Saved entries
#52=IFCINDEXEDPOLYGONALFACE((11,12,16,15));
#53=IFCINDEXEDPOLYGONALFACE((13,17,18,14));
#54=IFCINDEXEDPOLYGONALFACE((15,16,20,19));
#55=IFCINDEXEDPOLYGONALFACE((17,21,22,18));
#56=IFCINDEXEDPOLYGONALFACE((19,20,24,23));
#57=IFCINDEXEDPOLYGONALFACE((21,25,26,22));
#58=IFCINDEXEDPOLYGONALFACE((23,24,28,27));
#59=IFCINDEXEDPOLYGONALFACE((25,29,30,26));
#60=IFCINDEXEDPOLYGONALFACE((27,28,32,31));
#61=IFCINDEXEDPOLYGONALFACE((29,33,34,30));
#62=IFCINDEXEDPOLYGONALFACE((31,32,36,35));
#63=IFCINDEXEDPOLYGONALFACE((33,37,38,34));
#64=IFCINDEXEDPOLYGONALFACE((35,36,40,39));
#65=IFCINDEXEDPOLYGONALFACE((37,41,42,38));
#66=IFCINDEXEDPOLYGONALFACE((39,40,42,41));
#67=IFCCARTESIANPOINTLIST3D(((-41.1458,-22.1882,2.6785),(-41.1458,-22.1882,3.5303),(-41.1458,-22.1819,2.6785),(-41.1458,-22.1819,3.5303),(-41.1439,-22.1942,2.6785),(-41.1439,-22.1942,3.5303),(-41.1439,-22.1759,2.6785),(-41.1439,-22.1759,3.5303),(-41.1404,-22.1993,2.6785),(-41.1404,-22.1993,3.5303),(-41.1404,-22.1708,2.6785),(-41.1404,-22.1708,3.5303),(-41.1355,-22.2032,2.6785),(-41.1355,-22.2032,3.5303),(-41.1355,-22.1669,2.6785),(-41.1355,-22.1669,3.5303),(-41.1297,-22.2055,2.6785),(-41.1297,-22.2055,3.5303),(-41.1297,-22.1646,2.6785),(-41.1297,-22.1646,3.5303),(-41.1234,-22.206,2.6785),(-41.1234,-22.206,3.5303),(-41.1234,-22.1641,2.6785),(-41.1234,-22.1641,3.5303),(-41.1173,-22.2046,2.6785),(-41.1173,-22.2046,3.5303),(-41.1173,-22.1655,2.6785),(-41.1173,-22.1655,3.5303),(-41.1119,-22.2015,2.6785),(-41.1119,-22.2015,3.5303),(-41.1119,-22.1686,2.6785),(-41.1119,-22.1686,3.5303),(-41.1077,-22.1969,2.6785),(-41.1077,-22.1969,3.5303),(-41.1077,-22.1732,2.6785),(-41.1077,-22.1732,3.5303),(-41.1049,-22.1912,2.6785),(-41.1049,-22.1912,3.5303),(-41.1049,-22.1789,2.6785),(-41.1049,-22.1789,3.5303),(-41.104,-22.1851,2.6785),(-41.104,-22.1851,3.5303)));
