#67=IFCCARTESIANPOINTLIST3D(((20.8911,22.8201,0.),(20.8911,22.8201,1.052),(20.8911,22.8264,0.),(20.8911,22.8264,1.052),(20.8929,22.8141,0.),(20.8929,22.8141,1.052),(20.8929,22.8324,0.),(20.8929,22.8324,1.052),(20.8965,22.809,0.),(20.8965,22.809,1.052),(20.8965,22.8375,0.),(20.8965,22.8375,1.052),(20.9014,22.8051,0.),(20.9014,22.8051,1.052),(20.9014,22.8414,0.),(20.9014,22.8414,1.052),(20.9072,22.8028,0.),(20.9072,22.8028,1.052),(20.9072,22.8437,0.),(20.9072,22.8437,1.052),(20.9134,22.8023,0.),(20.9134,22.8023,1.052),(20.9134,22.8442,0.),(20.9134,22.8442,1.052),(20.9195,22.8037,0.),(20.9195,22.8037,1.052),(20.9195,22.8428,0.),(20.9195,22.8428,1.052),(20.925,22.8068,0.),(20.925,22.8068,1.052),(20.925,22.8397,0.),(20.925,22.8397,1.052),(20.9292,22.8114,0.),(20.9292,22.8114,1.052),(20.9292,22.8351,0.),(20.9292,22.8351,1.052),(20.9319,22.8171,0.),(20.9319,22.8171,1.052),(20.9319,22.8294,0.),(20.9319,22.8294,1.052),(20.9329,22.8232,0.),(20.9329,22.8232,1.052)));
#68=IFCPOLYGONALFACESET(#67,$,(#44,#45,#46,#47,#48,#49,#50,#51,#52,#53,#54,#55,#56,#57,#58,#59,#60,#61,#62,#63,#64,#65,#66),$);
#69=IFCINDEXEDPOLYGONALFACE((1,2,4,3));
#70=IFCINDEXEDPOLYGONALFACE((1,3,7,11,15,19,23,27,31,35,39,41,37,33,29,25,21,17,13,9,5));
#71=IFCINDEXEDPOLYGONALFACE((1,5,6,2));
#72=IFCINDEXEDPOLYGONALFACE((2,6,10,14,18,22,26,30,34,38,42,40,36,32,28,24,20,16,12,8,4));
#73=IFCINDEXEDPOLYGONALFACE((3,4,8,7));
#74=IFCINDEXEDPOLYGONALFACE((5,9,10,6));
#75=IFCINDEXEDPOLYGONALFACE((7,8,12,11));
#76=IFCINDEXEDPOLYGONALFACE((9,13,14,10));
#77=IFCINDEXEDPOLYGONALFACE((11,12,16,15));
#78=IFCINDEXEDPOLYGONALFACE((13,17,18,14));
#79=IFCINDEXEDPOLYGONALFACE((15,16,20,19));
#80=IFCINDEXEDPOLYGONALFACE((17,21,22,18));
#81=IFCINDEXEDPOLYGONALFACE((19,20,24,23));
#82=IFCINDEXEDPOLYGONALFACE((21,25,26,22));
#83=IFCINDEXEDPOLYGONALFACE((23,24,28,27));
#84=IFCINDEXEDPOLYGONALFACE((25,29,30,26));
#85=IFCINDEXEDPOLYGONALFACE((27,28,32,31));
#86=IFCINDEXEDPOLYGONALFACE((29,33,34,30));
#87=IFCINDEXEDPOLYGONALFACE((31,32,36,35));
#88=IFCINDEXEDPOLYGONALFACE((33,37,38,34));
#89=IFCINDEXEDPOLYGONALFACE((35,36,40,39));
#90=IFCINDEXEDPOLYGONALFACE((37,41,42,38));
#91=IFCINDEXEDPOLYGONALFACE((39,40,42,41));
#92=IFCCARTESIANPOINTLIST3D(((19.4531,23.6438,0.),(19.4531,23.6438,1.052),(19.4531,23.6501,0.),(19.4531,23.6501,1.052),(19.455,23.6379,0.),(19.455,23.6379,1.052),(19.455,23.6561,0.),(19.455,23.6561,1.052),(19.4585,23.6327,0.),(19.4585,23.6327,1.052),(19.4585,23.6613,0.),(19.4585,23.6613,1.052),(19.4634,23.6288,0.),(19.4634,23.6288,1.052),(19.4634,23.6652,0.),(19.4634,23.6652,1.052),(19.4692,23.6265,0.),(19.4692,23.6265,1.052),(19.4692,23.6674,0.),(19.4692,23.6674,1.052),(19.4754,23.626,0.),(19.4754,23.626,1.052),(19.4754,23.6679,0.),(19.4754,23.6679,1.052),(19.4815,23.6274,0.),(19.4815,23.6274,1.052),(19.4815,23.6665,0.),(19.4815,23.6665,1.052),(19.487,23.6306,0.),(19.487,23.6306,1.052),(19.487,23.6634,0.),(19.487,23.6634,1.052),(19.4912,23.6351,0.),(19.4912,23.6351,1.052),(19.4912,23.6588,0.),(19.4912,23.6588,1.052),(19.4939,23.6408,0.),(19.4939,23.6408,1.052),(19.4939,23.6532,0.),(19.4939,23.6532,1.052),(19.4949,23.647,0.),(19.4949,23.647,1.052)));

WHAT YOU NEED TO DO: Copy each line of the data exactly, please.

TASK RESPONSE:
#52=IFCINDEXEDPOLYGONALFACE((11,12,16,15));
#53=IFCINDEXEDPOLYGONALFACE((13,17,18,14));
#54=IFCINDEXEDPOLYGONALFACE((15,16,20,19));
#55=IFCINDEXEDPOLYGONALFACE((17,21,22,18));
#56=IFCINDEXEDPOLYGONALFACE((19,20,24,23));
#57=IFCINDEXEDPOLYGONALFACE((21,25,26,22));
#58=IFCINDEXEDPOLYGONALFACE((23,24,28,27));
#59=IFCINDEXEDPOLYGONALFACE((25,29,30,26));
#60=IFCINDEXEDPOLYGONALFACE((27,28,32,31));
#61=IFCINDEXEDPOLYGONALFACE((29,33,34,30));
#62=IFCINDEXEDPOLYGONALFACE((31,32,36,35));
#63=IFCINDEXEDPOLYGONALFACE((33,37,38,34));
#64=IFCINDEXEDPOLYGONALFACE((35,36,40,39));
#65=IFCINDEXEDPOLYGONALFACE((37,41,42,38));
#66=IFCINDEXEDPOLYGONALFACE((39,40,42,41));
#67=IFCCARTESIANPOINTLIST3D(((-41.1458,-22.1882,2.6785),(-41.1458,-22.1882,3.5303),(-41.1458,-22.1819,2.6785),(-41.1458,-22.1819,3.5303),(-41.1439,-22.1942,2.6785),(-41.1439,-22.1942,3.5303),(-41.1439,-22.1759,2.6785),(-41.1439,-22.1759,3.5303),(-41.1404,-22.1993,2.6785),(-41.1404,-22.1993,3.5303),(-41.1404,-22.1708,2.6785),(-41.1404,-22.1708,3.5303),(-41.1355,-22.2032,2.6785),(-41.1355,-22.2032,3.5303),(-41.1355,-22.1669,2.6785),(-41.1355,-22.1669,3.5303),(-41.1297,-22.2055,2.6785),(-41.1297,-22.2055,3.5303),(-41.1297,-22.1646,2.6785),(-41.1297,-22.1646,3.5303),(-41.1234,-22.206,2.6785),(-41.1234,-22.206,3.5303),(-41.1234,-22.1641,2.6785),(-41.1234,-22.1641,3.5303),(-41.1173,-22.2046,2.6785),(-41.1173,-22.2046,3.5303),(-41.1173,-22.1655,2.6785),(-41.1173,-22.1655,3.5303),(-41.1119,-22.2015,2.6785),(-41.1119,-22.2015,3.5303),(-41.1119,-22.1686,2.6785),(-41.1119,-22.1686,3.5303),(-41.1077,-22.1969,2.6785),(-41.1077,-22.1969,3.5303),(-41.1077,-22.1732,2.6785),(-41.1077,-22.1732,3.5303),(-41.1049,-22.1912,2.6785),(-41.1049,-22.1912,3.5303),(-41.1049,-22.1789,2.6785),(-41.1049,-22.1789,3.5303),(-41.104,-22.1851,2.6785),(-41.104,-22.1851,3.5303)));
#67=IFCCARTESIANPOINTLIST3D(((20.8911,22.8201,0.),(20.8911,22.8201,1.052),(20.8911,22.8264,0.),(20.8911,22.8264,1.052),(20.8929,22.8141,0.),(20.8929,22.8141,1.052),(20.8929,22.8324,0.),(20.8929,22.8324,1.052),(20.8965,22.809,0.),(20.8965,22.809,1.052),(20.8965,22.8375,0.),(20.8965,22.8375,1.052),(20.9014,22.8051,0.),(20.9014,22.8051,1.052),(20.9014,22.8414,0.),(20.9014,22.8414,1.052),(20.9072,22.8028,0.),(20.9072,22.8028,1.052),(20.9072,22.8437,0.),(20.9072,22.8437,1.052),(20.9134,22.8023,0.),(20.9134,22.8023,1.052),(20.9134,22.8442,0.),(20.9134,22.8442,1.052),(20.9195,22.8037,0.),(20.9195,22.8037,1.052),(20.9195,22.8428,0.),(20.9195,22.8428,1.052),(20.925,22.8068,0.),(20.925,22.8068,1.052),(20.925,22.8397,0.),(20.925,22.8397,1.052),(20.9292,22.8114,0.),(20.9292,22.8114,1.052),(20.9292,22.8351,0.),(20.9292,22.8351,1.052),(20.9319,22.8171,0.),(20.9319,22.8171,1.052),(20.9319,22.8294,0.),(20.9319,22.8294,1.052),(20.9329,22.8232,0.),(20.9329,22.8232,1.052)));
#68=IFCPOLYGONALFACESET(#67,$,(#44,#45,#46,#47,#48,#49,#50,#51,#52,#53,#54,#55,#56,#57,#58,#59,#60,#61,#62,#63,#64,#65,#66),$);
#69=IFCINDEXEDPOLYGONALFACE((1,2,4,3));
#70=IFCINDEXEDPOLYGONALFACE((1,3,7,11,15,19,23,27,31,35,39,41,37,33,29,25,21,17,13,9,5));
#71=IFCINDEXEDPOLYGONALFACE((1,5,6,2));
#72=IFCINDEXEDPOLYGONALFACE((2,6,10,14,18,22,26,30,34,38,42,40,36,32,28,24,20,16,12,8,4));
#73=IFCINDEXEDPOLYGONALFACE((3,4,8,7));
#74=IFCINDEXEDPOLYGONALFACE((5,9,10,6));
#75=IFCINDEXEDPOLYGONALFACE((7,8,12,11));
#76=IFCINDEXEDPOLYGONALFACE((9,13,14,10));
#77=IFCINDEXEDPOLYGONALFACE((11,12,16,15));
#78=IFCINDEXEDPOLYGONALFACE((13,17,18,14));
#79=IFCINDEXEDPOLYGONALFACE((15,16,20,19));
#80=IFCINDEXEDPOLYGONALFACE((17,21,22,18));
#81=IFCINDEXEDPOLYGONALFACE((19,20,24,23));
#82=IFCINDEXEDPOLYGONALFACE((21,25,26,22));
#83=IFCINDEXEDPOLYGONALFACE((23,24,28,27));
#84=IFCINDEXEDPOLYGONALFACE((25,29,30,26));
#85=IFCINDEXEDPOLYGONALFACE((27,28,32,31));
#86=IFCINDEXEDPOLYGONALFACE((29,33,34,30));
#87=IFCINDEXEDPOLYGONALFACE((31,32,36,35));
#88=IFCINDEXEDPOLYGONALFACE((33,37,38,34));
#89=IFCINDEXEDPOLYGONALFACE((35,36,40,39));
#90=IFCINDEXEDPOLYGONALFACE((37,41,42,38));
#91=IFCINDEXEDPOLYGONALFACE((39,40,42,41));
#92=IFCCARTESIANPOINTLIST3D(((19.4531,23.6438,0.),(19.4531,23.6438,1.052),(19.4531,23.6501,0.),(19.4531,23.6501,1.052),(19.455,23.6379,0.),(19.455,23.6379,1.052),(19.455,23.6561,0.),(19.455,23.6561,1.052),(19.4585,23.6327,0.),(19.4585,23.6327,1.052),(19.4585,23.6613,0.),(19.4585,23.6613,1.052),(19.4634,23.6288,0.),(19.4634,23.6288,1.052),(19.4634,23.6652,0.),(19.4634,23.6652,1.052),(19.4692,23.6265,0.),(19.4692,23.6265,1.052),(19.4692,23.6674,0.),(19.4692,23.6674,1.052),(19.4754,23.626,0.),(19.4754,23.626,1.052),(19.4754,23.6679,0.),(19.4754,23.6679,1.052),(19.4815,23.6274,0.),(19.4815,23.6274,1.052),(19.4815,23.6665,0.),(19.4815,23.6665,1.052),(19.487,23.6306,0.),(19.487,23.6306,1.052),(19.487,23.6634,0.),(19.487,23.6634,1.052),(19.4912,23.6351,0.),(19.4912,23.6351,1.052),(19.4912,23.6588,0.),(19.4912,23.6588,1.052),(19.4939,23.6408,0.),(19.4939,23.6408,1.052),(19.4939,23.6532,0.),(19.4939,23.6532,1.052),(19.4949,23.647,0.),(19.4949,23.647,1.052)));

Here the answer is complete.